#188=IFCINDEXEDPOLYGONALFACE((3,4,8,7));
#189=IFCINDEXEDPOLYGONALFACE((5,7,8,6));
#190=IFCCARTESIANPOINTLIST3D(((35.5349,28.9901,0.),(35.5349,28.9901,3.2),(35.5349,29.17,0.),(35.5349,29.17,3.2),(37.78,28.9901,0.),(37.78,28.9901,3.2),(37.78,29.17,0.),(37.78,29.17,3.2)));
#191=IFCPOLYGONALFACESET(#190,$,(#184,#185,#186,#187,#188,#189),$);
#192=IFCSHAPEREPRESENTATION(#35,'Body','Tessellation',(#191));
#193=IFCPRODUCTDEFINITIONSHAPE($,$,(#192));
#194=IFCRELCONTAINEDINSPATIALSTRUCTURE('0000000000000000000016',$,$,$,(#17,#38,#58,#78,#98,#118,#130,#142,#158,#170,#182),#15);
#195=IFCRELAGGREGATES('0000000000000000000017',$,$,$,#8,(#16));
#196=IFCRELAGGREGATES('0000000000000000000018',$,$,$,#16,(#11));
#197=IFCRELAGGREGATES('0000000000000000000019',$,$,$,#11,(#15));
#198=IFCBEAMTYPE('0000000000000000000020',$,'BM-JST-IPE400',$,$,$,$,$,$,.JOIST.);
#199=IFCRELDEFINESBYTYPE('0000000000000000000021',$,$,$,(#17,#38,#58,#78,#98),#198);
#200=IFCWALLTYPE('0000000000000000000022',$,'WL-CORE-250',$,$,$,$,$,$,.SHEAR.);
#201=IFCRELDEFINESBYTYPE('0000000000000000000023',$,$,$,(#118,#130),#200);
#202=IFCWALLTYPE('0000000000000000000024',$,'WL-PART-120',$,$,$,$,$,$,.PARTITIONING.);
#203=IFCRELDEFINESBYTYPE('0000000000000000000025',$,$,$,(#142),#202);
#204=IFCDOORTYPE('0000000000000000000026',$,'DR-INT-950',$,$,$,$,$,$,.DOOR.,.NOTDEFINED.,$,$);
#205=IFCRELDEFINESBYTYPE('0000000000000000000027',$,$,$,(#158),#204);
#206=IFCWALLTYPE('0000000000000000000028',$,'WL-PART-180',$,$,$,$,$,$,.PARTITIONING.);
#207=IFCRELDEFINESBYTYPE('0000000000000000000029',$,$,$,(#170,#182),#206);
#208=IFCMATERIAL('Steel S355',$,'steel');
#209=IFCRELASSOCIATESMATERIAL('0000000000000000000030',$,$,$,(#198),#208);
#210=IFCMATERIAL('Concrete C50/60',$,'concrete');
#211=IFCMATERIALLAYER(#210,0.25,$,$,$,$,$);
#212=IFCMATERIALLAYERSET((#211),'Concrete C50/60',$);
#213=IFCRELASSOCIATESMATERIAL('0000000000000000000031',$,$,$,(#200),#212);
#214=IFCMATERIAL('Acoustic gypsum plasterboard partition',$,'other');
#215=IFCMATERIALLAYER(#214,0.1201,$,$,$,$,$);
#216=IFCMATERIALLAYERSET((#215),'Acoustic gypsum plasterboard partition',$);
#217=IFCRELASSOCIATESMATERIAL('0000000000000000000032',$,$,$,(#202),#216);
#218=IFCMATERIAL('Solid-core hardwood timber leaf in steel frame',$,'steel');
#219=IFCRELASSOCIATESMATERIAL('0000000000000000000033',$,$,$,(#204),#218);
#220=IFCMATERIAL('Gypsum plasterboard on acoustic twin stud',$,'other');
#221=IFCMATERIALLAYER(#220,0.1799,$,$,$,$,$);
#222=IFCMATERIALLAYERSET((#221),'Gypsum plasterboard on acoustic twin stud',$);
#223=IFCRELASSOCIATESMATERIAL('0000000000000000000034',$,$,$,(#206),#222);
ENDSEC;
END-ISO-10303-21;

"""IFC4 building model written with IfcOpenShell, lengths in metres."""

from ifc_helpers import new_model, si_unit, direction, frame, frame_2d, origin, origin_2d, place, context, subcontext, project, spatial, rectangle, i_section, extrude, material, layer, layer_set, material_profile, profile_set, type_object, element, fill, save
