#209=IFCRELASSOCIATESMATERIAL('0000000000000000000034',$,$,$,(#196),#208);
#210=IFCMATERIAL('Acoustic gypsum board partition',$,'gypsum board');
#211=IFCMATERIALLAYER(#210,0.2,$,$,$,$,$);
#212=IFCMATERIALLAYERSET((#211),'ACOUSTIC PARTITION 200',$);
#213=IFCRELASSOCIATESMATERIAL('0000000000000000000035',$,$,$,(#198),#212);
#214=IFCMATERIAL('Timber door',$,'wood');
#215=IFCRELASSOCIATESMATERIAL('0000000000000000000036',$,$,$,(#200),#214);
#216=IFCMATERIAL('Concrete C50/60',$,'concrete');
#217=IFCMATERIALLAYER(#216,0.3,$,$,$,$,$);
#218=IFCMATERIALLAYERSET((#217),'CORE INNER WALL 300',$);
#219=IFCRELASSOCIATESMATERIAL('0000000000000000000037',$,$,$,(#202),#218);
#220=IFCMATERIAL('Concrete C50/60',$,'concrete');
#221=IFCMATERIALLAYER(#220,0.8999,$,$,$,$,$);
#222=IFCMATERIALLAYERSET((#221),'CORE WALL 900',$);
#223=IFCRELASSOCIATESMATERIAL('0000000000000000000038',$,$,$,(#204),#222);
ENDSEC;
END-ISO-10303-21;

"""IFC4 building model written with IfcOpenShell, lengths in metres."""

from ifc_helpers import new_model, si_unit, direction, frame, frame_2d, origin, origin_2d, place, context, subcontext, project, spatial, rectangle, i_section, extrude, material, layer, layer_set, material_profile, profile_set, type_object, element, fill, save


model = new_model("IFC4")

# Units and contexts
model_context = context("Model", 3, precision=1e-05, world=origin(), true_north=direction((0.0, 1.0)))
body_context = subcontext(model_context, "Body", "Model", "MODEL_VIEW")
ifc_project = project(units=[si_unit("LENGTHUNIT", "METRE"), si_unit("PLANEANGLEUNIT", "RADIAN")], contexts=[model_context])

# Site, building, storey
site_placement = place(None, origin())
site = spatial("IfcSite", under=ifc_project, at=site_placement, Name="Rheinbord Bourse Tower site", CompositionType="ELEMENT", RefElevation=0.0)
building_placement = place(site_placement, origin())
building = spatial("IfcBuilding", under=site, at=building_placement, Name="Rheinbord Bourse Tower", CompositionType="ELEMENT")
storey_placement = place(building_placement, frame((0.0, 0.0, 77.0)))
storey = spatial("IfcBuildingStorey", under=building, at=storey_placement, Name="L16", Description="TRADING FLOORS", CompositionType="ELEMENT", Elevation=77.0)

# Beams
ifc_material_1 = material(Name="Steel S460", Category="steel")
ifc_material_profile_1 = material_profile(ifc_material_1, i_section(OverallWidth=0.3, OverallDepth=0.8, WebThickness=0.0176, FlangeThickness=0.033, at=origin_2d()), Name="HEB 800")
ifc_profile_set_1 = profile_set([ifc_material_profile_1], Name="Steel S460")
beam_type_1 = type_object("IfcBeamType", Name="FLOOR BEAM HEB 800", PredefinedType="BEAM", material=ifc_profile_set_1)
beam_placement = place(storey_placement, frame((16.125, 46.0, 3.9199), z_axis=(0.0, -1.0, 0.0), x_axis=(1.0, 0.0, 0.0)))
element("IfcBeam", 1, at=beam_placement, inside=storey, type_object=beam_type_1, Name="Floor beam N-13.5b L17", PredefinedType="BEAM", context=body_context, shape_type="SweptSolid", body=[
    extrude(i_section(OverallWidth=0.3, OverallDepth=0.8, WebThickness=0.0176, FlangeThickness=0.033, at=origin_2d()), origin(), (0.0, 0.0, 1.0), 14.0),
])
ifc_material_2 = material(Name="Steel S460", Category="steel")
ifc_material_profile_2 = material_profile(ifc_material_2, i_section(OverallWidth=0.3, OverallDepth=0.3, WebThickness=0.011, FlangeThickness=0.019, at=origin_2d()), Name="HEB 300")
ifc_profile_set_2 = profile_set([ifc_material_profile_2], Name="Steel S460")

* * * *

PROMPT ▸
Where the listing above has a line with "#214=IFCMATERIAL('Timber door',$,'wood');", start there, and output every line exactly through the line with "#222=IFCMATERIALLAYERSET((#221),'CORE WALL 900',$);", which is also included.

WRITTEN RESPONSE ▸
#214=IFCMATERIAL('Timber door',$,'wood');
#215=IFCRELASSOCIATESMATERIAL('0000000000000000000036',$,$,$,(#200),#214);
#216=IFCMATERIAL('Concrete C50/60',$,'concrete');
#217=IFCMATERIALLAYER(#216,0.3,$,$,$,$,$);
#218=IFCMATERIALLAYERSET((#217),'CORE INNER WALL 300',$);
#219=IFCRELASSOCIATESMATERIAL('0000000000000000000037',$,$,$,(#202),#218);
#220=IFCMATERIAL('Concrete C50/60',$,'concrete');
#221=IFCMATERIALLAYER(#220,0.8999,$,$,$,$,$);
#222=IFCMATERIALLAYERSET((#221),'CORE WALL 900',$);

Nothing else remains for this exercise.